**The task**
The line with "#203=IFCMATERIAL('Stainless steel grade", the line with "from ifc_helpers import", and all lines between them in the material below: return these exactly, and no others.
- Opening Delimiter -
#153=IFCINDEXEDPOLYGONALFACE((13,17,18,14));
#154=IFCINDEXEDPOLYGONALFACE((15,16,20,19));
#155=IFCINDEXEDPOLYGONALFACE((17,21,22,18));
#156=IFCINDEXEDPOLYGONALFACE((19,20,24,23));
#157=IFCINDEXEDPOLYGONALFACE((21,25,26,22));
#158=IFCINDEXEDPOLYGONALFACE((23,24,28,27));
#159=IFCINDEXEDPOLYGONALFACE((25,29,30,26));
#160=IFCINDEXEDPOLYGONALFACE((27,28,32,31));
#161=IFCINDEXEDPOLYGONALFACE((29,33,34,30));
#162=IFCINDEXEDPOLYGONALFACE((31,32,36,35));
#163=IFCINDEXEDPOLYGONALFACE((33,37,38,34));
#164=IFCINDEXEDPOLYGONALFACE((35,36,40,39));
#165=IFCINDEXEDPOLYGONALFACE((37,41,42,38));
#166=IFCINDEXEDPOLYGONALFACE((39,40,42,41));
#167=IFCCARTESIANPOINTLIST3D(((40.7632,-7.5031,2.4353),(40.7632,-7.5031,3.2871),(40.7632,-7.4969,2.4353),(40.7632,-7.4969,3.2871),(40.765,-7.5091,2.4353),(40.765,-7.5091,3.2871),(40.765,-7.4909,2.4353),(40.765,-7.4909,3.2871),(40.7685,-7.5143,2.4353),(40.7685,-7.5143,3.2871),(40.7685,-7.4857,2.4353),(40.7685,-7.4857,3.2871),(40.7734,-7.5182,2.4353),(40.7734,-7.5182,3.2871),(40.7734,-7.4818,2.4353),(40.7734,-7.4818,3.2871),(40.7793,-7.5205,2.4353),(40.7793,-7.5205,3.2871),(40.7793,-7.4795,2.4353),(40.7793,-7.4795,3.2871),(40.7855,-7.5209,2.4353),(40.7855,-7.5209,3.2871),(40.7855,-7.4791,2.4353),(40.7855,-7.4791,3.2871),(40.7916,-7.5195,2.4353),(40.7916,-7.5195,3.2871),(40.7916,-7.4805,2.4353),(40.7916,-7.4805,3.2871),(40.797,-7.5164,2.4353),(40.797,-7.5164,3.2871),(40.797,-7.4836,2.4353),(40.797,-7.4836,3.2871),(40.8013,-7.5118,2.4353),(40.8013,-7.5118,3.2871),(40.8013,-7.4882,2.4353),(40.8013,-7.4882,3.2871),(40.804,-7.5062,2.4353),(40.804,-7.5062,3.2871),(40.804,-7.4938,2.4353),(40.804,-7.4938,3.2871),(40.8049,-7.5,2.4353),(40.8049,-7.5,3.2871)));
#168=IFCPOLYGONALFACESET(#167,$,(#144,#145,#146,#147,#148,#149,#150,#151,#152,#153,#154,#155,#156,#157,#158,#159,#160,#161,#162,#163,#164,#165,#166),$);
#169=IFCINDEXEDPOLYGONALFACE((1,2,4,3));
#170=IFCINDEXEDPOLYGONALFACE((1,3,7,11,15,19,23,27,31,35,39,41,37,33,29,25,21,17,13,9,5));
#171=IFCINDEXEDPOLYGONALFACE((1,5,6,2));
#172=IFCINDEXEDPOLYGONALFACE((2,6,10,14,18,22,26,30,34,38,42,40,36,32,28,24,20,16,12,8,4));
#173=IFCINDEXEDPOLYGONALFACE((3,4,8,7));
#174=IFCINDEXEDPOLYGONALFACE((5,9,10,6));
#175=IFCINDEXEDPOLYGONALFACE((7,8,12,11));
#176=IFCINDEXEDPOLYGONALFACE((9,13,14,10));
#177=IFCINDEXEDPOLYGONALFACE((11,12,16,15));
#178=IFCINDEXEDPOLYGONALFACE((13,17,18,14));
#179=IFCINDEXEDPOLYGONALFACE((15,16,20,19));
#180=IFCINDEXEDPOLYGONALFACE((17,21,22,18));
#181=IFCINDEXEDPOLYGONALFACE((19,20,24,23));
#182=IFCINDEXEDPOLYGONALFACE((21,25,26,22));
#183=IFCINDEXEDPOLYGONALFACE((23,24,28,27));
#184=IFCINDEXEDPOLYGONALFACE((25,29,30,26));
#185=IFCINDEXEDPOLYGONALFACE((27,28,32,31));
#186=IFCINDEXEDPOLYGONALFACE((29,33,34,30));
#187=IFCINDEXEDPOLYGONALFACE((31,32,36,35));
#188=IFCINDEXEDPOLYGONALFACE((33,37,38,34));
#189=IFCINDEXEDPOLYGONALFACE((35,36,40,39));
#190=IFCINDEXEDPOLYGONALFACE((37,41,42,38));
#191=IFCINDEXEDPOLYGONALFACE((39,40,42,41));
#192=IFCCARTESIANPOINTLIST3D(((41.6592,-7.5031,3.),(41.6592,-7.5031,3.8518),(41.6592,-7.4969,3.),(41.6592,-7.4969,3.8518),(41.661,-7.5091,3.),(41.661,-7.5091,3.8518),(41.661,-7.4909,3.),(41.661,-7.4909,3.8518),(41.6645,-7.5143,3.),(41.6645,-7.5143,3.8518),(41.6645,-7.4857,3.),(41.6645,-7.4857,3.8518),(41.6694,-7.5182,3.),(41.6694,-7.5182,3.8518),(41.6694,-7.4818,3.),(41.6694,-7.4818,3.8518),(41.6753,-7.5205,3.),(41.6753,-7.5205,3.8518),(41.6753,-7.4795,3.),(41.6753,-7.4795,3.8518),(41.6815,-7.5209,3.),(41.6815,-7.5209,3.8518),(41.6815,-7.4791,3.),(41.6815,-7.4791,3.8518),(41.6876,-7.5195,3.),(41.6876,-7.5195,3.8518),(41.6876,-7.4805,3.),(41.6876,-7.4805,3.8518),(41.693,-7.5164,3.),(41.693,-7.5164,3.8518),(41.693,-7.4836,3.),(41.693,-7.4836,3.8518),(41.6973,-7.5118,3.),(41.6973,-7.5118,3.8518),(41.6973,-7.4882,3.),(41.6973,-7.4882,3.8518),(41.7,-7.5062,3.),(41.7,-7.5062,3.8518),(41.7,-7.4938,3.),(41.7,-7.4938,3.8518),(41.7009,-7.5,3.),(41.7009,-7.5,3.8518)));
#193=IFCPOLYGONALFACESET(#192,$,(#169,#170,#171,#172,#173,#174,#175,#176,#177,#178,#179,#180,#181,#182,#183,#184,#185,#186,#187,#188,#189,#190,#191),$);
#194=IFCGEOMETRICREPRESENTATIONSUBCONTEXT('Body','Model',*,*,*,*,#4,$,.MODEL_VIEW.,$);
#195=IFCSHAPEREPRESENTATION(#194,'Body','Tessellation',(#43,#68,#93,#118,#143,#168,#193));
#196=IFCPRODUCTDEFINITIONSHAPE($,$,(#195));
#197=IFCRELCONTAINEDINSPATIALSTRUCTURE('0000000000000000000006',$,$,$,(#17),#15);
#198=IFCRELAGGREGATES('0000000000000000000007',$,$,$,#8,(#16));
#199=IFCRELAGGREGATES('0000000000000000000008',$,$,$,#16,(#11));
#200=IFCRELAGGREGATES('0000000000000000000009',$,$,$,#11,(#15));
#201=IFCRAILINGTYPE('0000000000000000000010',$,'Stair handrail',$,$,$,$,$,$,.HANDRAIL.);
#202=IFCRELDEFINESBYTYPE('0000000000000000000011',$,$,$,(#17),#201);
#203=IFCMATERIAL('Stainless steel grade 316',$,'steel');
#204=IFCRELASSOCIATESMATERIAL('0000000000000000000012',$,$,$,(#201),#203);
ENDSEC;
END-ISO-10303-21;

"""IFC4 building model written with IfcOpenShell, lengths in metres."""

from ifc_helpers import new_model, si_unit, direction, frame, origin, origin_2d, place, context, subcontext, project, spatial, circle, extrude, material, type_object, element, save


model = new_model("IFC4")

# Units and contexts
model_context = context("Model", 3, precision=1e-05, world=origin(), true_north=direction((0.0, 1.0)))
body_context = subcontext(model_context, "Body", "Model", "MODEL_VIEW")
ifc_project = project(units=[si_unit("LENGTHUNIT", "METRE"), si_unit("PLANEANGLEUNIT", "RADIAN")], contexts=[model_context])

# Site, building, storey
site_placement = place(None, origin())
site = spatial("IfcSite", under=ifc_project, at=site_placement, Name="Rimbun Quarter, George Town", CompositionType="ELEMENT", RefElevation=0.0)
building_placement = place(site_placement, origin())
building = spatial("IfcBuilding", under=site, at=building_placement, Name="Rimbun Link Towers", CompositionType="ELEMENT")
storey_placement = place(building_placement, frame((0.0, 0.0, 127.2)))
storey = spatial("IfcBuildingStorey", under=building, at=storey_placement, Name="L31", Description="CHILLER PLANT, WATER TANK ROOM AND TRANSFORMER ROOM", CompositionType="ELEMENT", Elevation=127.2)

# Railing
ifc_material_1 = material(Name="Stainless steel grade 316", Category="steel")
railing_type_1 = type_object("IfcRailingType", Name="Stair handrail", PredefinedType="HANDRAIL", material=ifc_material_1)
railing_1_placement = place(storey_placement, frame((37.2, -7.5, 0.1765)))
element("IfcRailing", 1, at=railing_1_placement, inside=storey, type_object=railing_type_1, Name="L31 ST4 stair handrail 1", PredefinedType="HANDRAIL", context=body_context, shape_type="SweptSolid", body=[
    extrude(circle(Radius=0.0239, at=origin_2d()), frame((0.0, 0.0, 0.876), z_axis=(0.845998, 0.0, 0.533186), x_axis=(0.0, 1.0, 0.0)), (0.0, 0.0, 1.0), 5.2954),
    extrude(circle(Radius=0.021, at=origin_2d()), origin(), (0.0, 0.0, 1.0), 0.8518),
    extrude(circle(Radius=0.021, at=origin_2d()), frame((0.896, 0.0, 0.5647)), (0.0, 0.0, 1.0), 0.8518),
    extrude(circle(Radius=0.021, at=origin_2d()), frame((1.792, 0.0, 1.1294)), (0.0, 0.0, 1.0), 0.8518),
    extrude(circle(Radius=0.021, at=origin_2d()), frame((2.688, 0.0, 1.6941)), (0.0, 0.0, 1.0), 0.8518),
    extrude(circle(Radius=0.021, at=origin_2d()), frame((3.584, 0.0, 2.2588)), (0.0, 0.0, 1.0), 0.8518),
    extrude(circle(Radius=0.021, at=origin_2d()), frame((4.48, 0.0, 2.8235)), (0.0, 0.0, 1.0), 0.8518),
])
- Closing Delimiter -
**Task response**
#203=IFCMATERIAL('Stainless steel grade 316',$,'steel');
#204=IFCRELASSOCIATESMATERIAL('0000000000000000000012',$,$,$,(#201),#203);
ENDSEC;
END-ISO-10303-21;

"""IFC4 building model written with IfcOpenShell, lengths in metres."""

from ifc_helpers import new_model, si_unit, direction, frame, origin, origin_2d, place, context, subcontext, project, spatial, circle, extrude, material, type_object, element, save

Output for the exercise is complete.